## What the exercise asks
Start with the first line of the records below. Output each line exactly, ending with the one that contains "#7=IFCUNITASSIGNMENT((#5,#6));".

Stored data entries

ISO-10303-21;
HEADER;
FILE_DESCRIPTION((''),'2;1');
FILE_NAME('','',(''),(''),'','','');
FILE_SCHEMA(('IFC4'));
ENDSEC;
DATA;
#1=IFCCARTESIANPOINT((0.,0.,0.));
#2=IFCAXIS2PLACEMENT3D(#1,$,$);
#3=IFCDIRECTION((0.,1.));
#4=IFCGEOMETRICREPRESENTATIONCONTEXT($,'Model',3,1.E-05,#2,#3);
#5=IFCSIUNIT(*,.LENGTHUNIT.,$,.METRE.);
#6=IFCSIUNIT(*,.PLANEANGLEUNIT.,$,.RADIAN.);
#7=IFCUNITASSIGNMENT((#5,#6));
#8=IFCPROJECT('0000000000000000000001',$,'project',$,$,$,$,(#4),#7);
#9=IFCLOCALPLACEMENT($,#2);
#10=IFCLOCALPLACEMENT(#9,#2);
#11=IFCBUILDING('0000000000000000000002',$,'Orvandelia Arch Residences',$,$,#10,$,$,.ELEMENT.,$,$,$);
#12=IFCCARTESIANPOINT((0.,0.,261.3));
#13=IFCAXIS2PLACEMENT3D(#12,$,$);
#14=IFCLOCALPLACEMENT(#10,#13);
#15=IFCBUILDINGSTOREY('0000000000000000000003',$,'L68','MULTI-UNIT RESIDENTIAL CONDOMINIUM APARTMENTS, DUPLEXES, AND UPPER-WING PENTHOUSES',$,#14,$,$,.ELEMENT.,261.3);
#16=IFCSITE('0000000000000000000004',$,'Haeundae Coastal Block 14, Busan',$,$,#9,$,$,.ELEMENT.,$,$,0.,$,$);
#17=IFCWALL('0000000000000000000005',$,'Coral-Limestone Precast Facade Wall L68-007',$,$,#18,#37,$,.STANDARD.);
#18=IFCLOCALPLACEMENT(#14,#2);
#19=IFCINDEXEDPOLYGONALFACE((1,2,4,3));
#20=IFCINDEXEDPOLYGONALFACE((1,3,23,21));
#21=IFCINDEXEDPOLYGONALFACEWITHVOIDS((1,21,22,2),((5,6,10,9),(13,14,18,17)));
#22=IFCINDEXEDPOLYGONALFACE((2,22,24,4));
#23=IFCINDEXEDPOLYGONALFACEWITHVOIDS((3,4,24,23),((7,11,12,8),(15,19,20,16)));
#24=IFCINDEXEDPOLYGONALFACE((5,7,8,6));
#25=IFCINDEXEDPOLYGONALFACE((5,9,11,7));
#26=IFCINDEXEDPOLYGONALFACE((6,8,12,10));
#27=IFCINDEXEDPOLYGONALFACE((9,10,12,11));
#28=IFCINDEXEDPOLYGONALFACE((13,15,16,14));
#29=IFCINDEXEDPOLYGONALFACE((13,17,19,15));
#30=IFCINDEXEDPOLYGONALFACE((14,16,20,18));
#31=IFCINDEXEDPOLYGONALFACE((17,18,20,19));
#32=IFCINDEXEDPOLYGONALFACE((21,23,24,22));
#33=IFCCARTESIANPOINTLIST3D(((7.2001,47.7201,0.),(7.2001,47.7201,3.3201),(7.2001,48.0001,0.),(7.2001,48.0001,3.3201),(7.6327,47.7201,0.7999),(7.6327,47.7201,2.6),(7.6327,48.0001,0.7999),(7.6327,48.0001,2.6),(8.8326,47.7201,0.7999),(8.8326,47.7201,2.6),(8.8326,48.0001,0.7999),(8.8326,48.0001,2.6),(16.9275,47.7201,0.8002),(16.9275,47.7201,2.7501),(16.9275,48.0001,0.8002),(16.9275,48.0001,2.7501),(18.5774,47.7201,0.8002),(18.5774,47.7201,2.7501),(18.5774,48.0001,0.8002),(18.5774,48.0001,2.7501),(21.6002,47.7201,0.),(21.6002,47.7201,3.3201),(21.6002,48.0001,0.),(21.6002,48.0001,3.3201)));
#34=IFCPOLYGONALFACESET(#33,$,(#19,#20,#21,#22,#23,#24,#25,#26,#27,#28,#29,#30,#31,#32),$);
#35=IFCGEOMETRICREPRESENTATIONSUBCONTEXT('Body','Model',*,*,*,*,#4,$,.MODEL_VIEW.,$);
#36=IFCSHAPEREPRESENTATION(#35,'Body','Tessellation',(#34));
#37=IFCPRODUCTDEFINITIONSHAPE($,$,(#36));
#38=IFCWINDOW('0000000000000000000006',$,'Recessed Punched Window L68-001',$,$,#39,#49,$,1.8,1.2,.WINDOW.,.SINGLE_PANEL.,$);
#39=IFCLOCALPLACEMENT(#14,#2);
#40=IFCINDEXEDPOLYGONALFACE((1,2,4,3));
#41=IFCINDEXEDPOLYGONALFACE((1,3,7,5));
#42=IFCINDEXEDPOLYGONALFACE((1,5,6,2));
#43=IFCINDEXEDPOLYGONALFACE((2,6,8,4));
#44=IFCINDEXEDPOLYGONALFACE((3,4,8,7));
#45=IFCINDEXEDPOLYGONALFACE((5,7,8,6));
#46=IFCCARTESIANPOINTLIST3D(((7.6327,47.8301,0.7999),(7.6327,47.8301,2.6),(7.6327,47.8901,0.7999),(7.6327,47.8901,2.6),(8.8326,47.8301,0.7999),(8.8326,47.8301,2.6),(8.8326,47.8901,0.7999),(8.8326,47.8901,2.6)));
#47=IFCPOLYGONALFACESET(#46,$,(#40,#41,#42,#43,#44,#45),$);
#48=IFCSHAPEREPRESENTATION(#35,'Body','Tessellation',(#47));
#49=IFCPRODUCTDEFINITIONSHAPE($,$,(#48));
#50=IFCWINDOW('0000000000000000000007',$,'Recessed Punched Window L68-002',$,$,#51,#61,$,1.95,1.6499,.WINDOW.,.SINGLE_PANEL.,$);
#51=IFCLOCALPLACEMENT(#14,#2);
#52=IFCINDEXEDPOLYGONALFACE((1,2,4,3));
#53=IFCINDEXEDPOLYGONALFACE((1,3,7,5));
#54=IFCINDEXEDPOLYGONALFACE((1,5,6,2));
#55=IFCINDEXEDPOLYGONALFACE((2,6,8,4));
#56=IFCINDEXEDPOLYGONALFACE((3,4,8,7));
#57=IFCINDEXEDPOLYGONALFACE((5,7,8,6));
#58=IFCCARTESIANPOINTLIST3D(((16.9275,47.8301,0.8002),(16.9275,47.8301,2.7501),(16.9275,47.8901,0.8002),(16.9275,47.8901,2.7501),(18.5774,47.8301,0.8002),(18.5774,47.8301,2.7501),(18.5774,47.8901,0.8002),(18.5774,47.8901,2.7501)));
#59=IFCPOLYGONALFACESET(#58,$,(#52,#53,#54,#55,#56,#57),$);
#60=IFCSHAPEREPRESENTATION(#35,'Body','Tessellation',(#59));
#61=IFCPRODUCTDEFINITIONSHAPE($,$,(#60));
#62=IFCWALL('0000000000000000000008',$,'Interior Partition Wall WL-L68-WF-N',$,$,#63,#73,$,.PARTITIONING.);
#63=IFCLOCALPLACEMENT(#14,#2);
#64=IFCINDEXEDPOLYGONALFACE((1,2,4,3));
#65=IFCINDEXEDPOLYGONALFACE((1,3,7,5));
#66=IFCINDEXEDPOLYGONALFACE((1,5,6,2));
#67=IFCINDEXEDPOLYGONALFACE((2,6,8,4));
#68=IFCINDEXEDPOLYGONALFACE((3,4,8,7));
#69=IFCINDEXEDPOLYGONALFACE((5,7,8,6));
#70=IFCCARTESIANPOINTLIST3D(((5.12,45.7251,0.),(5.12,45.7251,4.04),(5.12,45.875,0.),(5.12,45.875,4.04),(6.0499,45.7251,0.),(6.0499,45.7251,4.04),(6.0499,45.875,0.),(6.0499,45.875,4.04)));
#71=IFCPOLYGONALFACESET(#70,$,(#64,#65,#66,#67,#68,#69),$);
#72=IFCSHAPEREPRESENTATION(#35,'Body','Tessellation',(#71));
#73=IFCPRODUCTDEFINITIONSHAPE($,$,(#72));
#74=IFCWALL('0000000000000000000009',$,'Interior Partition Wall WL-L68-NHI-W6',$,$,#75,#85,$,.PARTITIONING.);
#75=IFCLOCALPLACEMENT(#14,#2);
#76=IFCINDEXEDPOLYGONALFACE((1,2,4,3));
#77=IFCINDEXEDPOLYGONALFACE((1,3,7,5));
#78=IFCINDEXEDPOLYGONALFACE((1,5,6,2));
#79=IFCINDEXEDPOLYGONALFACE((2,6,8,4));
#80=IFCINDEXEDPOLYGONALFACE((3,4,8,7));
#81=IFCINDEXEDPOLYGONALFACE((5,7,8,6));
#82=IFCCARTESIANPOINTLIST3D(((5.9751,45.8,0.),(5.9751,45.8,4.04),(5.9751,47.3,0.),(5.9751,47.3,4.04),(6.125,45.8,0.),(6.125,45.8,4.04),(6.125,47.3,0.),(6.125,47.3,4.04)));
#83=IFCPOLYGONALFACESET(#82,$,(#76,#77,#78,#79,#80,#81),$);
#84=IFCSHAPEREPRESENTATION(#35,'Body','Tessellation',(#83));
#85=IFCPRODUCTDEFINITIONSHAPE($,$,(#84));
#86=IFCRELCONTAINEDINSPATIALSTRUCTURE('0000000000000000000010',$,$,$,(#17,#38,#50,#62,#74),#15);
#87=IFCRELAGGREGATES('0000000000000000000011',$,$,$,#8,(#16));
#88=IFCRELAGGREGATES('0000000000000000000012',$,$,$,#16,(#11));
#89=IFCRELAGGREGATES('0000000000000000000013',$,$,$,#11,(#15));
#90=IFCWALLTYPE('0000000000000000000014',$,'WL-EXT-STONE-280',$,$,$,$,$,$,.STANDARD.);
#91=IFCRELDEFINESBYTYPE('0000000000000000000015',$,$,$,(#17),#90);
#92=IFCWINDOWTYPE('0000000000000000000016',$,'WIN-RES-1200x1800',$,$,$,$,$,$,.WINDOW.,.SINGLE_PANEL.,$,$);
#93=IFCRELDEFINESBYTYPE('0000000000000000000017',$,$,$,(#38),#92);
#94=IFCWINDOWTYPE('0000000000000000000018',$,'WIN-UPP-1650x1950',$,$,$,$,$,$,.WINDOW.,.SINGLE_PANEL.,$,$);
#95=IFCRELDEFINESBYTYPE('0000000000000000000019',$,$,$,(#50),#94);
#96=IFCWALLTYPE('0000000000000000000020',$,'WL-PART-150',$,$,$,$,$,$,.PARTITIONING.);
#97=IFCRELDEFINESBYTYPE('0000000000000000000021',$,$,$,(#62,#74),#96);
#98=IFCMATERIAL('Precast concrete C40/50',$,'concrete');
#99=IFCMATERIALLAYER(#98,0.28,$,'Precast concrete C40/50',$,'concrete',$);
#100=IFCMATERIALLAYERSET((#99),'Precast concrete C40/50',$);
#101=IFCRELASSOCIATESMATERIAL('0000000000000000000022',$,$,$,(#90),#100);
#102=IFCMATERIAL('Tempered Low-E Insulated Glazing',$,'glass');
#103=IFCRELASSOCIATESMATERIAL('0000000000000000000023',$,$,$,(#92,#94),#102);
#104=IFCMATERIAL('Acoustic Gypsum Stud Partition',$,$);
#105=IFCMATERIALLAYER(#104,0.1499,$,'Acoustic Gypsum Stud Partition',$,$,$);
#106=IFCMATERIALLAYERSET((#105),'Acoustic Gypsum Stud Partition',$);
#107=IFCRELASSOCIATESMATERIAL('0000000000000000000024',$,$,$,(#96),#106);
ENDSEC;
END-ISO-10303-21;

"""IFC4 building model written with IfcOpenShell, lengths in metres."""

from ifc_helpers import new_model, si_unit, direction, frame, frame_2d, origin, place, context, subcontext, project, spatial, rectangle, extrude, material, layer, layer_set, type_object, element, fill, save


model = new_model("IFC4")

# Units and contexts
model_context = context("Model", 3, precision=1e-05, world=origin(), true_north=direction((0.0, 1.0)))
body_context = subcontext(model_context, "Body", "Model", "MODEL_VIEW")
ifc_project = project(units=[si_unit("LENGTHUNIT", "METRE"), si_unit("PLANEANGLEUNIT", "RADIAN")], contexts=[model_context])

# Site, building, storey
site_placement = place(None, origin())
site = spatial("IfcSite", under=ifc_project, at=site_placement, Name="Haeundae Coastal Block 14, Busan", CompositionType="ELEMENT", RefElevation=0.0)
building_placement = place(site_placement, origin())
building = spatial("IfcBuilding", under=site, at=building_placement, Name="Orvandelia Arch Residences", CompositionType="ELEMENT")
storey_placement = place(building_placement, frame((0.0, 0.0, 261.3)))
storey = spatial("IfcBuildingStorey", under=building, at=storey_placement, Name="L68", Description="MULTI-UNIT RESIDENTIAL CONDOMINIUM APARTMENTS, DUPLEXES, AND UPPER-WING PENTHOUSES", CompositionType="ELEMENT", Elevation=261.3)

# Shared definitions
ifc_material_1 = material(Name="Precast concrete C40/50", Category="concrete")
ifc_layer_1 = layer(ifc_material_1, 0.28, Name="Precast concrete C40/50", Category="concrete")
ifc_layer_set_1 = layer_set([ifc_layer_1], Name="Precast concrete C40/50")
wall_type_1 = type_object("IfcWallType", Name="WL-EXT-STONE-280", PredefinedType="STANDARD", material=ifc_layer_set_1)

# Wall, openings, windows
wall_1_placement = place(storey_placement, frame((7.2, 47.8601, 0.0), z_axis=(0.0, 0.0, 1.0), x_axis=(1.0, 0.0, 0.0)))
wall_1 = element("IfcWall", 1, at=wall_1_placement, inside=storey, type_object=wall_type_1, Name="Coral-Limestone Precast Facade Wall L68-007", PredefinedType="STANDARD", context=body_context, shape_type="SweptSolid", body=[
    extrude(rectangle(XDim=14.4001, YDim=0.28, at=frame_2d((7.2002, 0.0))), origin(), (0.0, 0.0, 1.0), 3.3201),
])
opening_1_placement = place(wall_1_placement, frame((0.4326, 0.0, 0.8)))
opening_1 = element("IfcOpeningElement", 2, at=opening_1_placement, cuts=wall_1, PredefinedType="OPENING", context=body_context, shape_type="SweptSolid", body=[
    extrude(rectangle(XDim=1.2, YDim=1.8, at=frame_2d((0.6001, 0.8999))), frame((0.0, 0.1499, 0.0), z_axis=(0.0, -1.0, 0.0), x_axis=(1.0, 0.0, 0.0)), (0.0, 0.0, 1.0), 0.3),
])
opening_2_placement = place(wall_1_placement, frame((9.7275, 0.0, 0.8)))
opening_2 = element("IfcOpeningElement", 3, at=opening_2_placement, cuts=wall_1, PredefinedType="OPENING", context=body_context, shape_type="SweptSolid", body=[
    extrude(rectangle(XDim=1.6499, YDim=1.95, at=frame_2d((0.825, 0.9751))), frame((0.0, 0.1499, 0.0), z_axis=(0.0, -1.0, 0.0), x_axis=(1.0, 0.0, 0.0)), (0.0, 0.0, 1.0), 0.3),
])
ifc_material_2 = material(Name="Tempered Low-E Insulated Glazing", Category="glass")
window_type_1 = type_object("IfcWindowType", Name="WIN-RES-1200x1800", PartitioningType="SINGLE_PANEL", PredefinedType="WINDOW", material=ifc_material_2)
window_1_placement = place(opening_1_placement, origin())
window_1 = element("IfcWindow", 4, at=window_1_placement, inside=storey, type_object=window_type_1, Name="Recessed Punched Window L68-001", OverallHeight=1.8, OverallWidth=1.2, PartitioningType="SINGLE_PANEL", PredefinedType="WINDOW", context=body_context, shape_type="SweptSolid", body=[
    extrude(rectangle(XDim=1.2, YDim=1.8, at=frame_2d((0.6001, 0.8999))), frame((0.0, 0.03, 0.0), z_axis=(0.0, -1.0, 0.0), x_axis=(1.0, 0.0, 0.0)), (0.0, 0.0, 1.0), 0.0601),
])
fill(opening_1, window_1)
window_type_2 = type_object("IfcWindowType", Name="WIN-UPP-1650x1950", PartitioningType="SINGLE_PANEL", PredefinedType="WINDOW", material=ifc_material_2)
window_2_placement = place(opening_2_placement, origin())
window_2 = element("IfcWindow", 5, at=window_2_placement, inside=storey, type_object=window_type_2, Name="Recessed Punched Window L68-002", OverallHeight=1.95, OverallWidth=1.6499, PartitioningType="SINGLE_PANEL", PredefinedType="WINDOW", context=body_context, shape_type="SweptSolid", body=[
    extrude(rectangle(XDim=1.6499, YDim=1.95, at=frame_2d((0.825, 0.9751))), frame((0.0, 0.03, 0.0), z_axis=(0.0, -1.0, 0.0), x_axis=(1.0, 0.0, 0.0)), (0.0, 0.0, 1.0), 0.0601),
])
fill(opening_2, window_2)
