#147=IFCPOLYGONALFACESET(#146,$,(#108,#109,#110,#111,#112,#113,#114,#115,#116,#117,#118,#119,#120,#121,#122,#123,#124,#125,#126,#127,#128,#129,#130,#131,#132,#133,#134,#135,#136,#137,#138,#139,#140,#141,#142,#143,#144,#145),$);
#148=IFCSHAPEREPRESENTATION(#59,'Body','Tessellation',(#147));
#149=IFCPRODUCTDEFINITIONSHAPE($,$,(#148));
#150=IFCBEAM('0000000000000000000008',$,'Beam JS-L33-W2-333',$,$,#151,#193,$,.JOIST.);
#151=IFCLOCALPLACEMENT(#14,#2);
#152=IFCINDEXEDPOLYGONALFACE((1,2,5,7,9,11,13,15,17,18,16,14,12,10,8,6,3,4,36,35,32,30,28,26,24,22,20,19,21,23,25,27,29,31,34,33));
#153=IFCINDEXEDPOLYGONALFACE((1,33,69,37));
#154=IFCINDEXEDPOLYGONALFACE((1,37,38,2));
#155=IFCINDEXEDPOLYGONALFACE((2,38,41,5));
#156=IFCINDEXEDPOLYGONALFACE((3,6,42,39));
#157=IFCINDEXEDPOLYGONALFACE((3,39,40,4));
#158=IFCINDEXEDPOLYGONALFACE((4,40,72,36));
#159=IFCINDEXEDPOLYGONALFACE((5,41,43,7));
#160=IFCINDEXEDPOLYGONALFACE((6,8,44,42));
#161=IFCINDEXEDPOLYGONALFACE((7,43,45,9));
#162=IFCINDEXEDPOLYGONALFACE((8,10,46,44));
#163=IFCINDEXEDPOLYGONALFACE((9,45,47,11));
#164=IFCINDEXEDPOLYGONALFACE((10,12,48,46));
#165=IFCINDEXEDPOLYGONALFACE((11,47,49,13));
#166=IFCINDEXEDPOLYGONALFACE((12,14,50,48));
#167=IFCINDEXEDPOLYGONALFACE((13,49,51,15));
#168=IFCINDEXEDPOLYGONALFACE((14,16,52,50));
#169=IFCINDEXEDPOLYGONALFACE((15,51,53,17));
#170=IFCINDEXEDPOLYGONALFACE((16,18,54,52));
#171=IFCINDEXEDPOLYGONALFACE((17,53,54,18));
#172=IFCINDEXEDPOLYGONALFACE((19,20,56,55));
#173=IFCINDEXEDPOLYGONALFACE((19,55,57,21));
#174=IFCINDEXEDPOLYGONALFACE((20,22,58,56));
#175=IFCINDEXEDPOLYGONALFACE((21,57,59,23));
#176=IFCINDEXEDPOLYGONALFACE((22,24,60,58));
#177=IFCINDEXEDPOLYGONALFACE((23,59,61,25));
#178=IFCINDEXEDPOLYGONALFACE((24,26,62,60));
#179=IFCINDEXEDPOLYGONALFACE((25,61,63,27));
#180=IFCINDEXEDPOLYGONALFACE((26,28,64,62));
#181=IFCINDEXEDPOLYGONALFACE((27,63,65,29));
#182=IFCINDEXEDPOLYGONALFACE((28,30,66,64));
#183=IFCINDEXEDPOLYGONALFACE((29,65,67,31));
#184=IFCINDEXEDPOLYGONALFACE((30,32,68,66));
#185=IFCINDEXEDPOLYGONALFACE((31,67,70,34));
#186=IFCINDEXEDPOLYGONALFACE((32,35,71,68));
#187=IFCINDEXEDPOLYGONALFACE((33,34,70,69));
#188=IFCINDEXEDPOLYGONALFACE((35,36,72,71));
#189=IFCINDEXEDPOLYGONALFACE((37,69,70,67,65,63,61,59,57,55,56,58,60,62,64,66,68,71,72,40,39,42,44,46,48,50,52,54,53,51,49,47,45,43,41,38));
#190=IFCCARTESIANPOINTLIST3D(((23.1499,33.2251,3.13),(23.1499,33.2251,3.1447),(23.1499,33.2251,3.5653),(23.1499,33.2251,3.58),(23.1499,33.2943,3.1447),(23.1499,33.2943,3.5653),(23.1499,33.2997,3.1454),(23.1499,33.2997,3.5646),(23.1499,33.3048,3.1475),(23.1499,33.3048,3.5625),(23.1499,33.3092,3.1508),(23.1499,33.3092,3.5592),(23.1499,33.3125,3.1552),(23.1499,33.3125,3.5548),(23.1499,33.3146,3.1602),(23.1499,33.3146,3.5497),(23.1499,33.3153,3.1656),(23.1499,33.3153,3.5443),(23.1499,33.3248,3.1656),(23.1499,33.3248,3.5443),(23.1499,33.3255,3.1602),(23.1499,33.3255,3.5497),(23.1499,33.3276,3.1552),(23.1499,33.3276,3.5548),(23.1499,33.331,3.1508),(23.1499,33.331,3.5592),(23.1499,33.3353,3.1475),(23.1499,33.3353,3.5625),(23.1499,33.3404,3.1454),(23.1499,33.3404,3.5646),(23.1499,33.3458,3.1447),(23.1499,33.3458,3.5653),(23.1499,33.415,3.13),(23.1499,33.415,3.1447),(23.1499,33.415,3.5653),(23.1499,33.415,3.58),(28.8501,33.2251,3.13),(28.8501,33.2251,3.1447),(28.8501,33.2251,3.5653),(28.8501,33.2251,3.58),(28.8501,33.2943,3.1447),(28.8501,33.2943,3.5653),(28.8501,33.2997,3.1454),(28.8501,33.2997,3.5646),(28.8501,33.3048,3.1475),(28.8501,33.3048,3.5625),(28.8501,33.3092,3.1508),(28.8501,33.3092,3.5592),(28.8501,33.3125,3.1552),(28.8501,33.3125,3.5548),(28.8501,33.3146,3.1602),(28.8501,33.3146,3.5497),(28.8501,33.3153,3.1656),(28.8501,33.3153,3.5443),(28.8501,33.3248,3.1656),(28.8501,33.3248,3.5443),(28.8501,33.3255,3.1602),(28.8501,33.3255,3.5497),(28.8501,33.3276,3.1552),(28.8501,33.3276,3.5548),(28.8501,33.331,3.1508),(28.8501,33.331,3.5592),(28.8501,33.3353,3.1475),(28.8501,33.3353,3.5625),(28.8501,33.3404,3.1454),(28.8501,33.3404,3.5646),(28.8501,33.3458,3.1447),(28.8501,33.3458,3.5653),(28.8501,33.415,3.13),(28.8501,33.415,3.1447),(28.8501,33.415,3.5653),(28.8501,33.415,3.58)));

## Answer
ISO-10303-21;
HEADER;
FILE_DESCRIPTION((''),'2;1');
FILE_NAME('','',(''),(''),'','','');
FILE_SCHEMA(('IFC4'));
ENDSEC;
DATA;
#1=IFCCARTESIANPOINT((0.,0.,0.));
#2=IFCAXIS2PLACEMENT3D(#1,$,$);
#3=IFCDIRECTION((0.,1.));
#4=IFCGEOMETRICREPRESENTATIONCONTEXT($,'Model',3,1.E-05,#2,#3);
#5=IFCSIUNIT(*,.LENGTHUNIT.,$,.METRE.);
#6=IFCSIUNIT(*,.PLANEANGLEUNIT.,$,.RADIAN.);
#7=IFCUNITASSIGNMENT((#5,#6));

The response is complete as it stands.